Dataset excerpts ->
= Beginning of Section =

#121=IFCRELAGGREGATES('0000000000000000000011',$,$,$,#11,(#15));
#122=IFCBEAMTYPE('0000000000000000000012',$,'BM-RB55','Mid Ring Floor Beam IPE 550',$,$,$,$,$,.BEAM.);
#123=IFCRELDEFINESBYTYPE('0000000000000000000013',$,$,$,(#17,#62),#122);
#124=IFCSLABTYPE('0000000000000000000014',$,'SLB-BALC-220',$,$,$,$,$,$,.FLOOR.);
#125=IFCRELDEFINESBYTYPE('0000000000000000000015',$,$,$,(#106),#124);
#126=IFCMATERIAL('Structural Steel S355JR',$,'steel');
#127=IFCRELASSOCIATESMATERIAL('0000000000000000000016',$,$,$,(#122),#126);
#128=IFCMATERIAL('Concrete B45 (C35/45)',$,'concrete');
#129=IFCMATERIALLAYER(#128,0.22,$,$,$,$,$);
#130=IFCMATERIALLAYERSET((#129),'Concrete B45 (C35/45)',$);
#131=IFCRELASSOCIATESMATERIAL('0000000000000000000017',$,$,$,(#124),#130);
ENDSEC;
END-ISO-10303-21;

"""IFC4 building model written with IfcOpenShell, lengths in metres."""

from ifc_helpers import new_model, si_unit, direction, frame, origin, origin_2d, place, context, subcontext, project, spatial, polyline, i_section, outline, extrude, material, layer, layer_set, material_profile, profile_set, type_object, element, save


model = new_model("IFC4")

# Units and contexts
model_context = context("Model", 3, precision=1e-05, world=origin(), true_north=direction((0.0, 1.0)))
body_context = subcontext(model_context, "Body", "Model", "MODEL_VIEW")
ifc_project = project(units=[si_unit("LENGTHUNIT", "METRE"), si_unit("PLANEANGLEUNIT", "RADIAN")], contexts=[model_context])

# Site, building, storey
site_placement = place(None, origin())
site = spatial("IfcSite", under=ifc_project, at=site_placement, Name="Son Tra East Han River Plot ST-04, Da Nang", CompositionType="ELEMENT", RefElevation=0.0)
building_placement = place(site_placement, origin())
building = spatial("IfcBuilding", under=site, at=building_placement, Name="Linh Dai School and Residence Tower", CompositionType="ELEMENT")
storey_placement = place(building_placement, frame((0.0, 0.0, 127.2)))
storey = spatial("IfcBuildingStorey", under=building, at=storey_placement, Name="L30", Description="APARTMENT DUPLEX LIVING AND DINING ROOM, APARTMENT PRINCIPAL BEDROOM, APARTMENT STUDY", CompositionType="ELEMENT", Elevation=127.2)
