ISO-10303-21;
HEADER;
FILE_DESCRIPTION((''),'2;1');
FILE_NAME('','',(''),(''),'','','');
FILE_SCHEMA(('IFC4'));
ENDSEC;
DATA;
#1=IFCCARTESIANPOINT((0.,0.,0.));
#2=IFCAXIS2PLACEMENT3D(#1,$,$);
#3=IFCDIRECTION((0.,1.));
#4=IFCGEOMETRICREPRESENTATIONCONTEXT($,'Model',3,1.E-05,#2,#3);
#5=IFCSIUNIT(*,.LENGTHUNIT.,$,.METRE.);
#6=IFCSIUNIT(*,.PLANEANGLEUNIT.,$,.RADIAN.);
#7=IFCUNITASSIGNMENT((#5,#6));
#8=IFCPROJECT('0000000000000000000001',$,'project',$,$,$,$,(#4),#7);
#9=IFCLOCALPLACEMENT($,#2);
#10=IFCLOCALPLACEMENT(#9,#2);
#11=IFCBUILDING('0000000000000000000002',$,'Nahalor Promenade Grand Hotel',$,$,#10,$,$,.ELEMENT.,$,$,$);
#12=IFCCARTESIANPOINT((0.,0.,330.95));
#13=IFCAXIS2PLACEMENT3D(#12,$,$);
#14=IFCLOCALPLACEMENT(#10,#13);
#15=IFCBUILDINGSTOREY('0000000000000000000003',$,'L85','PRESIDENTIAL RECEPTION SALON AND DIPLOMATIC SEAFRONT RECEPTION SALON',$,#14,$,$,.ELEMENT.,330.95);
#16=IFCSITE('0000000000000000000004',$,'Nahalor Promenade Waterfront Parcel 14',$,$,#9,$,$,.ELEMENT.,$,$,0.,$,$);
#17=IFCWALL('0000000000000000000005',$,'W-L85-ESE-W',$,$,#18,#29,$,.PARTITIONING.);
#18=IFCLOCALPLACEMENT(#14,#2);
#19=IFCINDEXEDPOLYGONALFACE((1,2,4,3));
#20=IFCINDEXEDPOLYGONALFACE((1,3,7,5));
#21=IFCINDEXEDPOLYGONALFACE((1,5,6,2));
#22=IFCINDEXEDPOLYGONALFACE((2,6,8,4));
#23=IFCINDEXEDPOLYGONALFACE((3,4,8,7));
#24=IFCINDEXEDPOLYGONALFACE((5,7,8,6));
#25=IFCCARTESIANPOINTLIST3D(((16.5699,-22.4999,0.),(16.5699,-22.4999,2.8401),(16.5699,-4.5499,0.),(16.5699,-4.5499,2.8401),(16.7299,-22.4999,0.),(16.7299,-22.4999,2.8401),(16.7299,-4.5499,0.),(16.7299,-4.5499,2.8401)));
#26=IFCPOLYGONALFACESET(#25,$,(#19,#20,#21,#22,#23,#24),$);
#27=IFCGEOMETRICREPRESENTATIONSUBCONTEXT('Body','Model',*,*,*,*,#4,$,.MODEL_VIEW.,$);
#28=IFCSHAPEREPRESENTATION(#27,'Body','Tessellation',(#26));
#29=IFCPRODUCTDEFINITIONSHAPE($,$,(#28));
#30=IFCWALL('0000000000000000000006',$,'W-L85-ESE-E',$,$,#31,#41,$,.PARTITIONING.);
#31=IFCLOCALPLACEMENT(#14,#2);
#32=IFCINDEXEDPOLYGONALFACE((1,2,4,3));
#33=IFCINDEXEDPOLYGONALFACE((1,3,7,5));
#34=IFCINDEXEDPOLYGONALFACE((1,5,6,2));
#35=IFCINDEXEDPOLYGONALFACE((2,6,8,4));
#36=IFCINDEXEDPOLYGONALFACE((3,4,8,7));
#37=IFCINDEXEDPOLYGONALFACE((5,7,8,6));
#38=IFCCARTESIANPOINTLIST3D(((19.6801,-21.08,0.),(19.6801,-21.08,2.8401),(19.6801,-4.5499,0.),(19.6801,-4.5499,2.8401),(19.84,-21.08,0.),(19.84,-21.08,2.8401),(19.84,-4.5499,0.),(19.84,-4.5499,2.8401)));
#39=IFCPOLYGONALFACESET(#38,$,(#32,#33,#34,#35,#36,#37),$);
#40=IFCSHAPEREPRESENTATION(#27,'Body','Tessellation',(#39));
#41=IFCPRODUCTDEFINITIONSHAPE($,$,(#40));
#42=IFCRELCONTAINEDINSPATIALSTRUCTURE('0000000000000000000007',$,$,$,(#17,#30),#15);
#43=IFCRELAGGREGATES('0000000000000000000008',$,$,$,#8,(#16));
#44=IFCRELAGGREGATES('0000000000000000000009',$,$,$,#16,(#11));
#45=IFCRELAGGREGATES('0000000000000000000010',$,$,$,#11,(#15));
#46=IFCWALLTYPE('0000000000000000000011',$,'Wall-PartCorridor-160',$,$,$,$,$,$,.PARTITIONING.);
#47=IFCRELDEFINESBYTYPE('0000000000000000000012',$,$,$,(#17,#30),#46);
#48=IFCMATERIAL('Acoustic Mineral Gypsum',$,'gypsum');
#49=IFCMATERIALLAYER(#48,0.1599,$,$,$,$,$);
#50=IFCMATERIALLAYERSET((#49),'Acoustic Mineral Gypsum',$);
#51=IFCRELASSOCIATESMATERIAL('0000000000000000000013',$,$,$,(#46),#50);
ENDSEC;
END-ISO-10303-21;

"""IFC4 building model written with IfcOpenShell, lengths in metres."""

from ifc_helpers import new_model, si_unit, direction, frame, frame_2d, origin, place, context, subcontext, project, spatial, rectangle, extrude, source, transform, mapped, material, layer, layer_set, type_object, element, save


model = new_model("IFC4")

# Units and contexts
model_context = context("Model", 3, precision=1e-05, world=origin(), true_north=direction((0.0, 1.0)))
body_context = subcontext(model_context, "Body", "Model", "MODEL_VIEW")
ifc_project = project(units=[si_unit("LENGTHUNIT", "METRE"), si_unit("PLANEANGLEUNIT", "RADIAN")], contexts=[model_context])

# Site, building, storey
site_placement = place(None, origin())
site = spatial("IfcSite", under=ifc_project, at=site_placement, Name="Nahalor Promenade Waterfront Parcel 14", CompositionType="ELEMENT", RefElevation=0.0)
building_placement = place(site_placement, origin())
building = spatial("IfcBuilding", under=site, at=building_placement, Name="Nahalor Promenade Grand Hotel", CompositionType="ELEMENT")
storey_placement = place(building_placement, frame((0.0, 0.0, 330.95)))
storey = spatial("IfcBuildingStorey", under=building, at=storey_placement, Name="L85", Description="PRESIDENTIAL RECEPTION SALON AND DIPLOMATIC SEAFRONT RECEPTION SALON", CompositionType="ELEMENT", Elevation=330.95)

# Walls
ifc_material_1 = material(Name="Acoustic Mineral Gypsum", Category="gypsum")
ifc_layer_1 = layer(ifc_material_1, 0.1599)
ifc_layer_set_1 = layer_set([ifc_layer_1], Name="Acoustic Mineral Gypsum")
wall_type_1 = type_object("IfcWallType", Name="Wall-PartCorridor-160", PredefinedType="PARTITIONING", material=ifc_layer_set_1)
shared_shape_1 = source(origin(), body_context, "Body", "SweptSolid", [
    extrude(rectangle(XDim=17.95, YDim=0.1599, at=frame_2d((8.9751, 0.0))), origin(), (0.0, 0.0, 1.0), 2.8401),
])
wall_1_placement = place(storey_placement, frame((16.6499, -22.5, 0.0), z_axis=(0.0, 0.0, 1.0), x_axis=(0.0, 1.0, 0.0)))
element("IfcWall", 1, at=wall_1_placement, inside=storey, type_object=wall_type_1, Name="W-L85-ESE-W", PredefinedType="PARTITIONING", context=body_context, shape_type="MappedRepresentation", body=[
    mapped(shared_shape_1, transform((0.0, 0.0, 0.0), scale=1.0)),
])
shared_shape_2 = source(origin(), body_context, "Body", "SweptSolid", [
    extrude(rectangle(XDim=16.53, YDim=0.1599, at=frame_2d((8.2651, 0.0))), origin(), (0.0, 0.0, 1.0), 2.8401),
])
wall_2_placement = place(storey_placement, frame((19.76, -21.0801, 0.0), z_axis=(0.0, 0.0, 1.0), x_axis=(0.0, 1.0, 0.0)))
element("IfcWall", 2, at=wall_2_placement, inside=storey, type_object=wall_type_1, Name="W-L85-ESE-E", PredefinedType="PARTITIONING", context=body_context, shape_type="MappedRepresentation", body=[
    mapped(shared_shape_2, transform((0.0, 0.0, 0.0), scale=1.0)),
])

save(model, "model.ifc")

= End of Section =

TRY IT -> Print, without alteration, only the lines above between the one holding "#19=IFCINDEXEDPOLYGONALFACE((1,2,4,3));" and the one holding "#24=IFCINDEXEDPOLYGONALFACE((5,7,8,6));", inclusive.

RESULT FOR THIS EXERCISE ->
#19=IFCINDEXEDPOLYGONALFACE((1,2,4,3));
#20=IFCINDEXEDPOLYGONALFACE((1,3,7,5));
#21=IFCINDEXEDPOLYGONALFACE((1,5,6,2));
#22=IFCINDEXEDPOLYGONALFACE((2,6,8,4));
#23=IFCINDEXEDPOLYGONALFACE((3,4,8,7));
#24=IFCINDEXEDPOLYGONALFACE((5,7,8,6));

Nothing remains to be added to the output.